__About this task__
Below are records; count how many of their lines contain the word "IFCRELAGGREGATES" and give the number alone.
##### Provided records
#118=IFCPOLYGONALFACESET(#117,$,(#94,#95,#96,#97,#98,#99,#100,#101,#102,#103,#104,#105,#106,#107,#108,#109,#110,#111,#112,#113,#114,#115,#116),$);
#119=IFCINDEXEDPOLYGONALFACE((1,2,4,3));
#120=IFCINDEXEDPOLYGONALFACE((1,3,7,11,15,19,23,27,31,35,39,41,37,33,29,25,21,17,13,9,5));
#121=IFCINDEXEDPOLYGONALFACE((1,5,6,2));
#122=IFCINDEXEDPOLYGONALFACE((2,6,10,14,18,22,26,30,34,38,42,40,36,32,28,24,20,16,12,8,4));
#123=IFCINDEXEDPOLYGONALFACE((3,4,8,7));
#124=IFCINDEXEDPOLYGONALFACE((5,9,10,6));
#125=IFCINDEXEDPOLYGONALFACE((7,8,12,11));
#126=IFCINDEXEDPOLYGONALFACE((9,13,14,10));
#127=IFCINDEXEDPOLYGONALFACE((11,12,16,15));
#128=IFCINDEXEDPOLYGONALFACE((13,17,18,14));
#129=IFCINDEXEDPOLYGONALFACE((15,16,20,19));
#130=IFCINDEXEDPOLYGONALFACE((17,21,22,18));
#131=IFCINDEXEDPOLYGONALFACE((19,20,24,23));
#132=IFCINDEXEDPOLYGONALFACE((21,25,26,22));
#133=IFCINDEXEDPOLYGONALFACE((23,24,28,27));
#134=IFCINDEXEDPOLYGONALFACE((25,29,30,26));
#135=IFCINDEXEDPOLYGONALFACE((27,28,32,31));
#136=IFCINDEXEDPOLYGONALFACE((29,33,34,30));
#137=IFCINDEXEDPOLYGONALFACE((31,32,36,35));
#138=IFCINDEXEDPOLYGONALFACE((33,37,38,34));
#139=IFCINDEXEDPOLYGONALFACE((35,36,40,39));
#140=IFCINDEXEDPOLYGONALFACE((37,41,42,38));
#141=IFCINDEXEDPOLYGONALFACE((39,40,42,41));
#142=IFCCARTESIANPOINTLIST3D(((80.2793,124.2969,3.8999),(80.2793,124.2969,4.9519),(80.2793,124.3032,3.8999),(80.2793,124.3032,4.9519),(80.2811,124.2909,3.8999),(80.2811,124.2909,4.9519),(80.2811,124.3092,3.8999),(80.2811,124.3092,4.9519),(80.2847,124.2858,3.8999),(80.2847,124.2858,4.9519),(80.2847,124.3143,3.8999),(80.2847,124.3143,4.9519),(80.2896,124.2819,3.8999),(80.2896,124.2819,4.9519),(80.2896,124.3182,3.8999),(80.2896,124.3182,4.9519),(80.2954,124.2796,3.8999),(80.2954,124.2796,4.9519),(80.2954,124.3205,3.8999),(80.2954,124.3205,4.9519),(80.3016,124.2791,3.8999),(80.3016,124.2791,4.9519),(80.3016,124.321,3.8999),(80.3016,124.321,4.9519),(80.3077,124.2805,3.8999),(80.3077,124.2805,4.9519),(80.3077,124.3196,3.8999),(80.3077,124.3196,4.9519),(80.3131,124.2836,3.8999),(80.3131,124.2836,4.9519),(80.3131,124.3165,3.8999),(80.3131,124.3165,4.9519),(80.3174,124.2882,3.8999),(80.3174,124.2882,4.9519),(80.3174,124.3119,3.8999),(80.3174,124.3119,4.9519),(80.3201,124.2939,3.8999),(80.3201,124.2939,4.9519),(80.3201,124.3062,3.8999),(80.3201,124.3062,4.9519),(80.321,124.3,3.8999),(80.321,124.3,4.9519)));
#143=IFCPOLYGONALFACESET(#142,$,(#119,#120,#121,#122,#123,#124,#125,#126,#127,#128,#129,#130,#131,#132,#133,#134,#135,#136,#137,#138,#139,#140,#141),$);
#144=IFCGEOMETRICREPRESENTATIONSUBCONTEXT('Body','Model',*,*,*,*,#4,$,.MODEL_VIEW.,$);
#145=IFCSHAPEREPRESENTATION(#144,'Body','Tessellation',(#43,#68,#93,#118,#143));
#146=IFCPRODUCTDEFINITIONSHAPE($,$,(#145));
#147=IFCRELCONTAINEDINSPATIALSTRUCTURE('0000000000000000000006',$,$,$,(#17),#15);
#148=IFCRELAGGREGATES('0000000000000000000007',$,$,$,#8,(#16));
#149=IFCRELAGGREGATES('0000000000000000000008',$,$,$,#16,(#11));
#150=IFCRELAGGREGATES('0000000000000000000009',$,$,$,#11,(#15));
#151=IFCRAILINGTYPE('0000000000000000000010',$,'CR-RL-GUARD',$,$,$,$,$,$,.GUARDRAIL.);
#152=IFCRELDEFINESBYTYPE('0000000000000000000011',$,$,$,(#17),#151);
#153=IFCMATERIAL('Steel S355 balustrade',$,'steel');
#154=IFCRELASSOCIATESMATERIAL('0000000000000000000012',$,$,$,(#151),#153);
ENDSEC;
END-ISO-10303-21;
##########
__Answer section__
3